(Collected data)
------------------------
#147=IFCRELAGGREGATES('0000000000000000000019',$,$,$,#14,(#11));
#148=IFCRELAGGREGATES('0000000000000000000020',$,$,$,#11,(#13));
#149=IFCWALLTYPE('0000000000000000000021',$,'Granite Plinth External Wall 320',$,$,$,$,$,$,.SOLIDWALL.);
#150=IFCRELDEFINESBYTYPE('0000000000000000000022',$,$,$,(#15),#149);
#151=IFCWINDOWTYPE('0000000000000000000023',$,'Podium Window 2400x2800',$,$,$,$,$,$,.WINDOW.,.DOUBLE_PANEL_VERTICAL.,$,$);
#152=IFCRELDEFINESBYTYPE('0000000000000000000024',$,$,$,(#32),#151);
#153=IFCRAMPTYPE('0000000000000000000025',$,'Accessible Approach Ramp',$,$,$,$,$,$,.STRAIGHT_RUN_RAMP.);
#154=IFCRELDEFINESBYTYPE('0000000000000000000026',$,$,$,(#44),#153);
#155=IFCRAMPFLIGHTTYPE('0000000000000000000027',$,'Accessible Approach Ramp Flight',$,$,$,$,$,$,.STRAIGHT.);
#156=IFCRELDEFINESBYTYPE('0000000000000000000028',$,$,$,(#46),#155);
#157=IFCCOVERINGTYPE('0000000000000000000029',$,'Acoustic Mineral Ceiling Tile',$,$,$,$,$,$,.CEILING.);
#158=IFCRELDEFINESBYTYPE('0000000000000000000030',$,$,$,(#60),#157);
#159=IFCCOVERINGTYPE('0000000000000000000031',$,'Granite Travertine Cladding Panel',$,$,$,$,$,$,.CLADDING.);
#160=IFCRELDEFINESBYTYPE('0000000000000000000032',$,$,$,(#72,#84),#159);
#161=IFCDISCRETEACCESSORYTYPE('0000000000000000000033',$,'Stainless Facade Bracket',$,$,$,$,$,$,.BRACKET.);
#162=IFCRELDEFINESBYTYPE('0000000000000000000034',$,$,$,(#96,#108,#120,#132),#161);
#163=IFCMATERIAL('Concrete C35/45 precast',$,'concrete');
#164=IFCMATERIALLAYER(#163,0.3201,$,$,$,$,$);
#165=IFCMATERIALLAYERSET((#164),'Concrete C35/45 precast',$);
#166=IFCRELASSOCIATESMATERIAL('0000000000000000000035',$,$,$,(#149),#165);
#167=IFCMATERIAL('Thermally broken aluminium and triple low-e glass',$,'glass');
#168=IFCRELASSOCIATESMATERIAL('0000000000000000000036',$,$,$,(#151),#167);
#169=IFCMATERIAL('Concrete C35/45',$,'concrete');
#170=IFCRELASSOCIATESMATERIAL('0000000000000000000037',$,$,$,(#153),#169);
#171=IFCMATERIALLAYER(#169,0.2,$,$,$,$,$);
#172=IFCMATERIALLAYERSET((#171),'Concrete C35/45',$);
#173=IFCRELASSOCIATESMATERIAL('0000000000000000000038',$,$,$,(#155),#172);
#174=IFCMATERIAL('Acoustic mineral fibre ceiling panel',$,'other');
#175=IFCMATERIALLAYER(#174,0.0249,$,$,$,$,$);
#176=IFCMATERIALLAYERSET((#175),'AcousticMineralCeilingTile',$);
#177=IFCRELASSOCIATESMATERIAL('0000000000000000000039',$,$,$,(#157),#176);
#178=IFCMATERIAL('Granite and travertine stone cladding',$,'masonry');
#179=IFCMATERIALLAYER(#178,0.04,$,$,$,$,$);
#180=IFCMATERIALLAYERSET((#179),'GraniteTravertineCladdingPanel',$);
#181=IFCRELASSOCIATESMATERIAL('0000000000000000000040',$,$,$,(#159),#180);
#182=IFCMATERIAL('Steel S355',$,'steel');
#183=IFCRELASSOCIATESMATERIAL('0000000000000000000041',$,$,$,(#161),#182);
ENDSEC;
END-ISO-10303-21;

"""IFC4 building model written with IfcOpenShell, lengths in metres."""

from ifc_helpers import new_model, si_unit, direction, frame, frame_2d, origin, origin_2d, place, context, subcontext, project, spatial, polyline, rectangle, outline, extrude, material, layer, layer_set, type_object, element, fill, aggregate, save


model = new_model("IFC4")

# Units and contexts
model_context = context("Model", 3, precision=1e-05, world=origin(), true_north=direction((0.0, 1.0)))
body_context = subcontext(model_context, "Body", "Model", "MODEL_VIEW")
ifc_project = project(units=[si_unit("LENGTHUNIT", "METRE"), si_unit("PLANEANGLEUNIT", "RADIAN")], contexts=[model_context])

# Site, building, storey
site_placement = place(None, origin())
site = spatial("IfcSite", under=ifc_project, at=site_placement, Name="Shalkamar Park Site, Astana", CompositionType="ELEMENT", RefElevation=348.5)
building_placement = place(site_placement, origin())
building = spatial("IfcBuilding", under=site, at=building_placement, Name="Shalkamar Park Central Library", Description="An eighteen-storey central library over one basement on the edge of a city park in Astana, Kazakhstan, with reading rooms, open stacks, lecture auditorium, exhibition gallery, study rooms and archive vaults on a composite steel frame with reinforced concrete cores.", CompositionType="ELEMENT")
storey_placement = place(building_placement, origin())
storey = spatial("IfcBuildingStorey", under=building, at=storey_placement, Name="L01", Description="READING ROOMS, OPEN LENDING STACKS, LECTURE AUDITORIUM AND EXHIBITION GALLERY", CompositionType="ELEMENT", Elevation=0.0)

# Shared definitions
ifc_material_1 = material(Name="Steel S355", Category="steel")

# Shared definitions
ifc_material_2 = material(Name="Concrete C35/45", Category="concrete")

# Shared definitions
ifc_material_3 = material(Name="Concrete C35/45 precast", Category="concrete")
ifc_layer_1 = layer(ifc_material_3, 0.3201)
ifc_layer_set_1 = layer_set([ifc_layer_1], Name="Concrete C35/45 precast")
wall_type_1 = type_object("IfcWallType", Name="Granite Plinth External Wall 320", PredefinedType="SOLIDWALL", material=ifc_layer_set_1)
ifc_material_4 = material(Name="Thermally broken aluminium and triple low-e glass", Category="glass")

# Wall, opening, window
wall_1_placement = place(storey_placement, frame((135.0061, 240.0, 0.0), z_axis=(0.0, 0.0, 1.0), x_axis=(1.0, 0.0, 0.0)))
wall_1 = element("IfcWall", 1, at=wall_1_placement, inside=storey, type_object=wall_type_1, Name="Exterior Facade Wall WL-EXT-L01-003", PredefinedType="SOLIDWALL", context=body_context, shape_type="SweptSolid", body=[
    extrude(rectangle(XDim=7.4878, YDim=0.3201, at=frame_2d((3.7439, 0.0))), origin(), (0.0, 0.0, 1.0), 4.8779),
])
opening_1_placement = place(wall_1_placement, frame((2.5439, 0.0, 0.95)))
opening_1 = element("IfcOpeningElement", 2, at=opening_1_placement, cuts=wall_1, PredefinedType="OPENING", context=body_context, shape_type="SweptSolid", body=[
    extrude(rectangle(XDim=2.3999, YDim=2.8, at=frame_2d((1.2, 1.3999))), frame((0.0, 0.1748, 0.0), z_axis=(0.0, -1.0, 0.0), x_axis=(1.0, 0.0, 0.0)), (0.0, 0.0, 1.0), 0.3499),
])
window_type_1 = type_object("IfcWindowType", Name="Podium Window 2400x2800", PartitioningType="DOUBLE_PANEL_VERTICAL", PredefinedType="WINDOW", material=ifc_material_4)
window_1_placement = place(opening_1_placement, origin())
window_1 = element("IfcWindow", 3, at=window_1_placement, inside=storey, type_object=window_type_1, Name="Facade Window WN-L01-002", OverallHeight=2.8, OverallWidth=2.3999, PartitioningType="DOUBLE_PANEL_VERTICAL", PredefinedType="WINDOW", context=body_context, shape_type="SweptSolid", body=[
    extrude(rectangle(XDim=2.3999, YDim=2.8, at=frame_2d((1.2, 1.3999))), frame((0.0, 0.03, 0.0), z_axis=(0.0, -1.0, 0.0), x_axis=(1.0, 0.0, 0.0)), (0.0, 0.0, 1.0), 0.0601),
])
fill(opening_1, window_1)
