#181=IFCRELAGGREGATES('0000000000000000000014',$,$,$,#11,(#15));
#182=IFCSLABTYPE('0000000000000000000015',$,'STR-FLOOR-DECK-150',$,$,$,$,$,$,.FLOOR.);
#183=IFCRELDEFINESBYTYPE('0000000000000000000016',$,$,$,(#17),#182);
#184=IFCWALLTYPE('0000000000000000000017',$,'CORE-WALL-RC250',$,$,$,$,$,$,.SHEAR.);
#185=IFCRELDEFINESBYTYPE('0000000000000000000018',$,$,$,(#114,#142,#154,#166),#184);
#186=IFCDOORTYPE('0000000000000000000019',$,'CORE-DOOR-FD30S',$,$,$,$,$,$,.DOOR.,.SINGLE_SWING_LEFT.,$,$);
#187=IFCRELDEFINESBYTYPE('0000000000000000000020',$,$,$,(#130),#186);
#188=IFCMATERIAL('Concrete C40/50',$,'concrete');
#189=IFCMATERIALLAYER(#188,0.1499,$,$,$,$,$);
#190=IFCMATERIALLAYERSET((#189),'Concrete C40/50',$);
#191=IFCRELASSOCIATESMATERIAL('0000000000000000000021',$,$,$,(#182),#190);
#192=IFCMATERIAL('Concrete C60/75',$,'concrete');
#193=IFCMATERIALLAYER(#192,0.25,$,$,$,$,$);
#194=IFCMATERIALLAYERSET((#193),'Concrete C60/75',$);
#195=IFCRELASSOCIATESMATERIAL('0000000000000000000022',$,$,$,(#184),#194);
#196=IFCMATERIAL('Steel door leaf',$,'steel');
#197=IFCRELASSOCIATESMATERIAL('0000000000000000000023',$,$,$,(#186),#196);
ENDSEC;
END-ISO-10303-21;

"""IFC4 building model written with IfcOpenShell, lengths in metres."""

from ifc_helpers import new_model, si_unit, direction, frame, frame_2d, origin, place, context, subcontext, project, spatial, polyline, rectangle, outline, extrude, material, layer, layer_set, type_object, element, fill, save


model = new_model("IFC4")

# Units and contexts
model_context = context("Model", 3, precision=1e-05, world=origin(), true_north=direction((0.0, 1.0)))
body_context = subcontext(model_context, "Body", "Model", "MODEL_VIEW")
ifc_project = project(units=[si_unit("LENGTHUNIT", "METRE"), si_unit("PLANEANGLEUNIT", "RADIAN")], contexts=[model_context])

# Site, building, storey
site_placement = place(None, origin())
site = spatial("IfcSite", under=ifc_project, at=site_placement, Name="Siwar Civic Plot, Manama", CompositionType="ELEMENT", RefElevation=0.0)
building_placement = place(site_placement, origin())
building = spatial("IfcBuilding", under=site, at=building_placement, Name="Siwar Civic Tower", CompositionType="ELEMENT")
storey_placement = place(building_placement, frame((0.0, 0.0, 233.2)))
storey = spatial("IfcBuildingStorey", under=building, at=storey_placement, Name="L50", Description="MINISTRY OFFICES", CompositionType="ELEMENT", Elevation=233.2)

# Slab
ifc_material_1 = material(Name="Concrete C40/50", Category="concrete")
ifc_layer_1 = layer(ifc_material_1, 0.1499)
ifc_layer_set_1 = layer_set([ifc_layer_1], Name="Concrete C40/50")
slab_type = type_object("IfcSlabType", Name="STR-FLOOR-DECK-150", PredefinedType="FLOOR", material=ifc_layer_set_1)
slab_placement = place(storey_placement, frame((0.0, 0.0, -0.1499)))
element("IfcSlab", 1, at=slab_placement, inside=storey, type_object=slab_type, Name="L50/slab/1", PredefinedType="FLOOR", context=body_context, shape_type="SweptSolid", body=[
------------------------
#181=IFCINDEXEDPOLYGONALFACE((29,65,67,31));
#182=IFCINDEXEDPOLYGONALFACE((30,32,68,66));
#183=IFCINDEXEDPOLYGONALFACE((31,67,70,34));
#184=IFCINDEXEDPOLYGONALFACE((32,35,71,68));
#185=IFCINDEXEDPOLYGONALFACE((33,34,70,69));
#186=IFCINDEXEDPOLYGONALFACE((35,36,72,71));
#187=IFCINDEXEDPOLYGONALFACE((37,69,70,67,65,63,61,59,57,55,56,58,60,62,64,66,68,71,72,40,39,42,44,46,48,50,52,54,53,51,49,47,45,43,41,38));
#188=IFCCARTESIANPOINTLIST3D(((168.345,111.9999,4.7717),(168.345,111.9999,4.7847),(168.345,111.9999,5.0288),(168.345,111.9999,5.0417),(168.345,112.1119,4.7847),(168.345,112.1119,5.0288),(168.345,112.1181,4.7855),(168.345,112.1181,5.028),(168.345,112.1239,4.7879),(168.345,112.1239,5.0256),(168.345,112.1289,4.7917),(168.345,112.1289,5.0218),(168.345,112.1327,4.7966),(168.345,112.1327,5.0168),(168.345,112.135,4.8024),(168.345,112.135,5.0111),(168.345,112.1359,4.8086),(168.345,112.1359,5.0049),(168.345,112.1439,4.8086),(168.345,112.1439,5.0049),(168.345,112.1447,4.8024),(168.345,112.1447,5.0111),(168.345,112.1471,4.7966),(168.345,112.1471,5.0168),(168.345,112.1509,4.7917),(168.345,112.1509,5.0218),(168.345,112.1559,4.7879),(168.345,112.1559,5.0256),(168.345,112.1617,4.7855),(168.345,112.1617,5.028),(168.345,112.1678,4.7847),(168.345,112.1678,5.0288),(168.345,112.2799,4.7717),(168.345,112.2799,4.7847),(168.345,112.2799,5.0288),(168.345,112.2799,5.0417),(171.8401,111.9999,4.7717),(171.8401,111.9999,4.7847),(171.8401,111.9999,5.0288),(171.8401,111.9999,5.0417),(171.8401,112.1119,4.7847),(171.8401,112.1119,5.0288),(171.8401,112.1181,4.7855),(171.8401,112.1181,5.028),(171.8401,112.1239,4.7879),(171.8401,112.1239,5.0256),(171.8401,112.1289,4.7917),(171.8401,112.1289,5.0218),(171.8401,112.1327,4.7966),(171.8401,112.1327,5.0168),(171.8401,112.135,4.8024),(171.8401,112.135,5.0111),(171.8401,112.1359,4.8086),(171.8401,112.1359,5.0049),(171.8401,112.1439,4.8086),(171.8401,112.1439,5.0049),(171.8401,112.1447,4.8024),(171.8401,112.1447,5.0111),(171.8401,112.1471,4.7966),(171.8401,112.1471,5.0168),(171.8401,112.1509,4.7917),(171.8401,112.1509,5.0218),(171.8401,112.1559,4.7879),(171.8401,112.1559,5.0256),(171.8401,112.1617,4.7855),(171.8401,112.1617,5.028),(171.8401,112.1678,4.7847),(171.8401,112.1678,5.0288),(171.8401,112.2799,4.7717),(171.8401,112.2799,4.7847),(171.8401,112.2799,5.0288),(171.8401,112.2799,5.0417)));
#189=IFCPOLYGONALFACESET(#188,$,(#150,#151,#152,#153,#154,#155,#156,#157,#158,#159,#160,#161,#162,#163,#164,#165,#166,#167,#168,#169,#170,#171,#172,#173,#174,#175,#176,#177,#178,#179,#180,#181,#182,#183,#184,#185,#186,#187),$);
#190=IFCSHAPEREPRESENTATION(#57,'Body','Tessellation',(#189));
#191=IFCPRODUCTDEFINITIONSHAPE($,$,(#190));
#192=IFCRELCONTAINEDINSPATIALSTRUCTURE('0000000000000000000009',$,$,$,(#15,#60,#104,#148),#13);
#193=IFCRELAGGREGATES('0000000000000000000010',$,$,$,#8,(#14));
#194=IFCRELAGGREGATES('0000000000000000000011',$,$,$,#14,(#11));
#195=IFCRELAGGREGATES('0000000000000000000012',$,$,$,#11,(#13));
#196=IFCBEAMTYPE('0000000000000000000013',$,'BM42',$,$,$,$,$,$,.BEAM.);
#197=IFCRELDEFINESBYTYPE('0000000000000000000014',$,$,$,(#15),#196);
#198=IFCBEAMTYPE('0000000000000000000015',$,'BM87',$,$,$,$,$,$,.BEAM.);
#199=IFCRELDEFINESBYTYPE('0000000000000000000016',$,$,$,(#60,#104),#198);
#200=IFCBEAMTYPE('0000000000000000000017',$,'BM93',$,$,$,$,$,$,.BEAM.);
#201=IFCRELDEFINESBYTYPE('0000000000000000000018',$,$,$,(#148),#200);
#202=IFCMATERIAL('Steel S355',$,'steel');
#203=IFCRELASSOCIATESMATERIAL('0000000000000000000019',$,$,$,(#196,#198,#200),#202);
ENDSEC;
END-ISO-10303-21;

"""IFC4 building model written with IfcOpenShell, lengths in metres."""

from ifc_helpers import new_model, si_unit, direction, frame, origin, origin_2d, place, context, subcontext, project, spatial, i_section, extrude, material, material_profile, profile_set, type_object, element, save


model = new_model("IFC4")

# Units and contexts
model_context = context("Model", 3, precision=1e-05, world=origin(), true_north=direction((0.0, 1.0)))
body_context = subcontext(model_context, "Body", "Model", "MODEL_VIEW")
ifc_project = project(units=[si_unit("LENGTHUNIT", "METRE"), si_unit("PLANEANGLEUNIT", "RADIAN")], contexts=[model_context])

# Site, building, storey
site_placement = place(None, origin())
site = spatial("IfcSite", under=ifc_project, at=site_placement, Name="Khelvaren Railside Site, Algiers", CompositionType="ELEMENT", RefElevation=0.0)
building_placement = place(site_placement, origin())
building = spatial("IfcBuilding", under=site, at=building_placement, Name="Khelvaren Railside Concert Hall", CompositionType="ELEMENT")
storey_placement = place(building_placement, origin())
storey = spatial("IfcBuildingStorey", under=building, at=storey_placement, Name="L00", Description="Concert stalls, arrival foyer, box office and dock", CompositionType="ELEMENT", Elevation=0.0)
------------------------
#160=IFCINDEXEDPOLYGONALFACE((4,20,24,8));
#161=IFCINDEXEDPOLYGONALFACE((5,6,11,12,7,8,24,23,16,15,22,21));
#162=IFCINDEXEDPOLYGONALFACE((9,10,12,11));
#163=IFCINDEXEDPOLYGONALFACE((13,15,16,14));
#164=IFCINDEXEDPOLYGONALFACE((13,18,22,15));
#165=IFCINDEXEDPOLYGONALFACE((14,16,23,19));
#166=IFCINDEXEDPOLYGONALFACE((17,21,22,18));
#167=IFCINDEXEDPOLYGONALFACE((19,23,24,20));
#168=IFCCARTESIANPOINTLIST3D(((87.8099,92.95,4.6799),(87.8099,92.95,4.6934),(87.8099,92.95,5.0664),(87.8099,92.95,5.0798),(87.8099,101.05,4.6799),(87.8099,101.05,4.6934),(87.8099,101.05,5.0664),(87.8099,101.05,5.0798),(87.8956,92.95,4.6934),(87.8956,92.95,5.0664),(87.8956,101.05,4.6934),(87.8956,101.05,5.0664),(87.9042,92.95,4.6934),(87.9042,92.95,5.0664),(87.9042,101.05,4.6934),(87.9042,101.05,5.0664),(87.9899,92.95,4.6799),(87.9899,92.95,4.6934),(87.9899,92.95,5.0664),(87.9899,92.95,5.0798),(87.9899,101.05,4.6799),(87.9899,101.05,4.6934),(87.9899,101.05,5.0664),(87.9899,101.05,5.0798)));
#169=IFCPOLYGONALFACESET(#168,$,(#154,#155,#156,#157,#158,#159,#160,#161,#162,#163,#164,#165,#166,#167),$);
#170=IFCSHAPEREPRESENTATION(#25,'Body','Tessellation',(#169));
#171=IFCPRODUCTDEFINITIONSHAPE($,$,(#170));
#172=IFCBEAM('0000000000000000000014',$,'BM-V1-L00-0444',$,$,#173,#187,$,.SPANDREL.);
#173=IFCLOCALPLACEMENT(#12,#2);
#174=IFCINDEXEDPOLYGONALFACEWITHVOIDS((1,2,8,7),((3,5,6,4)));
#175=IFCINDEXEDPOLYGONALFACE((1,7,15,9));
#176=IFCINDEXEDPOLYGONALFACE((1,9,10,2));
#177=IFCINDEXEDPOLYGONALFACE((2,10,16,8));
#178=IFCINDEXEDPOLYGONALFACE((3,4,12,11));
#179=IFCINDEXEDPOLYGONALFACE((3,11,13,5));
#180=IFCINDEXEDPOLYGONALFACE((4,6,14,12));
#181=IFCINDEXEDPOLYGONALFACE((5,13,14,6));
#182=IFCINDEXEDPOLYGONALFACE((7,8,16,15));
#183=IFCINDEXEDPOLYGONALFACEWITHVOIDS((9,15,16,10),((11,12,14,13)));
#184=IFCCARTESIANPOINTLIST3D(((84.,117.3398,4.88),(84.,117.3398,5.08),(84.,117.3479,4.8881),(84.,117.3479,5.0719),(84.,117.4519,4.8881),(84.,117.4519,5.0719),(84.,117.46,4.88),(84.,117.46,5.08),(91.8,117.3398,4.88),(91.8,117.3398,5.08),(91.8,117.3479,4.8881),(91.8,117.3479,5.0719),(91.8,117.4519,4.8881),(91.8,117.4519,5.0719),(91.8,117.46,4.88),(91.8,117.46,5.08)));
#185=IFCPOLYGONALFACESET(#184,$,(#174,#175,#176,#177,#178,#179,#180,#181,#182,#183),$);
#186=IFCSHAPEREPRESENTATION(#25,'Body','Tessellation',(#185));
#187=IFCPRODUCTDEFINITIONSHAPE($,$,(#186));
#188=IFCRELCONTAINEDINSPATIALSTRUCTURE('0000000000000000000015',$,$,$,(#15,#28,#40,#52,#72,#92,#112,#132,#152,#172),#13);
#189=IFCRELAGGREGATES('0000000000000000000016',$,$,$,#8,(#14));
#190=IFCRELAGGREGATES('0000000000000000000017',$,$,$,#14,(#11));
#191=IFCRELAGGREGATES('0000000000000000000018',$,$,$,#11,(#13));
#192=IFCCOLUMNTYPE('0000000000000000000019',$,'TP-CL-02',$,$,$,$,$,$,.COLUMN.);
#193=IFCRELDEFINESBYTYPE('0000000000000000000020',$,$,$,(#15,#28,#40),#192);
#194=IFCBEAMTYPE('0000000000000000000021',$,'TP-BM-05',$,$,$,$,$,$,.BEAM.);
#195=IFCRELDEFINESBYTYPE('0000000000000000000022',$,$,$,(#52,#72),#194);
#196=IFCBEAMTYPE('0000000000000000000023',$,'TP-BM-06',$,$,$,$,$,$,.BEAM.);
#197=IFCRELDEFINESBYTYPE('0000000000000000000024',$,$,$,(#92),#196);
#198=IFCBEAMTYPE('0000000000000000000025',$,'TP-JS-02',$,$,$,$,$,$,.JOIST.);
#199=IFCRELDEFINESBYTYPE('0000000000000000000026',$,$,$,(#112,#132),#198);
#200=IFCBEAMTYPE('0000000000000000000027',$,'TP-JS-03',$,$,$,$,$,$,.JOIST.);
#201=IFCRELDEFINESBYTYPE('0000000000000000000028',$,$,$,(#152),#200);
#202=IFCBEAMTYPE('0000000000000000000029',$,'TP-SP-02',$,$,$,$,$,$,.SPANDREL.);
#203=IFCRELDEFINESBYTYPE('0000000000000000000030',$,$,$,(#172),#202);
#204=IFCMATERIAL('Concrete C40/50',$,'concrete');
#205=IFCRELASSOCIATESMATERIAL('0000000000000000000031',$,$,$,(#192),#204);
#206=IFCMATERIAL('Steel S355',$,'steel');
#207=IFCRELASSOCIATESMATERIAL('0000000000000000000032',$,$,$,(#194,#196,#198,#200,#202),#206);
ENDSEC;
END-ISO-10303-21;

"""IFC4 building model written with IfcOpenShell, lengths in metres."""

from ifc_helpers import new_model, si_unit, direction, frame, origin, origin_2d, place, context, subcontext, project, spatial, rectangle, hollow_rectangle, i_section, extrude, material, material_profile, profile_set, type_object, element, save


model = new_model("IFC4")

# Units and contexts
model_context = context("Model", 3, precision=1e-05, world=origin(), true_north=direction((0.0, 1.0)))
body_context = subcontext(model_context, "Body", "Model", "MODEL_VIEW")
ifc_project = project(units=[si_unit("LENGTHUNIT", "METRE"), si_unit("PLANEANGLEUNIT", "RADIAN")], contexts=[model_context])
------------------------
## [TO DO]
The lines in the records above that include the word "Category" must be copied out.

## [ANSWER SECTION]
ifc_material_1 = material(Name="Steel S355", Category="steel")
ifc_material_2 = material(Name="Concrete C35/45", Category="concrete")
ifc_material_3 = material(Name="Concrete C35/45 precast", Category="concrete")
ifc_material_4 = material(Name="Thermally broken aluminium and triple low-e glass", Category="glass")
ifc_material_1 = material(Name="Concrete C40/50", Category="concrete")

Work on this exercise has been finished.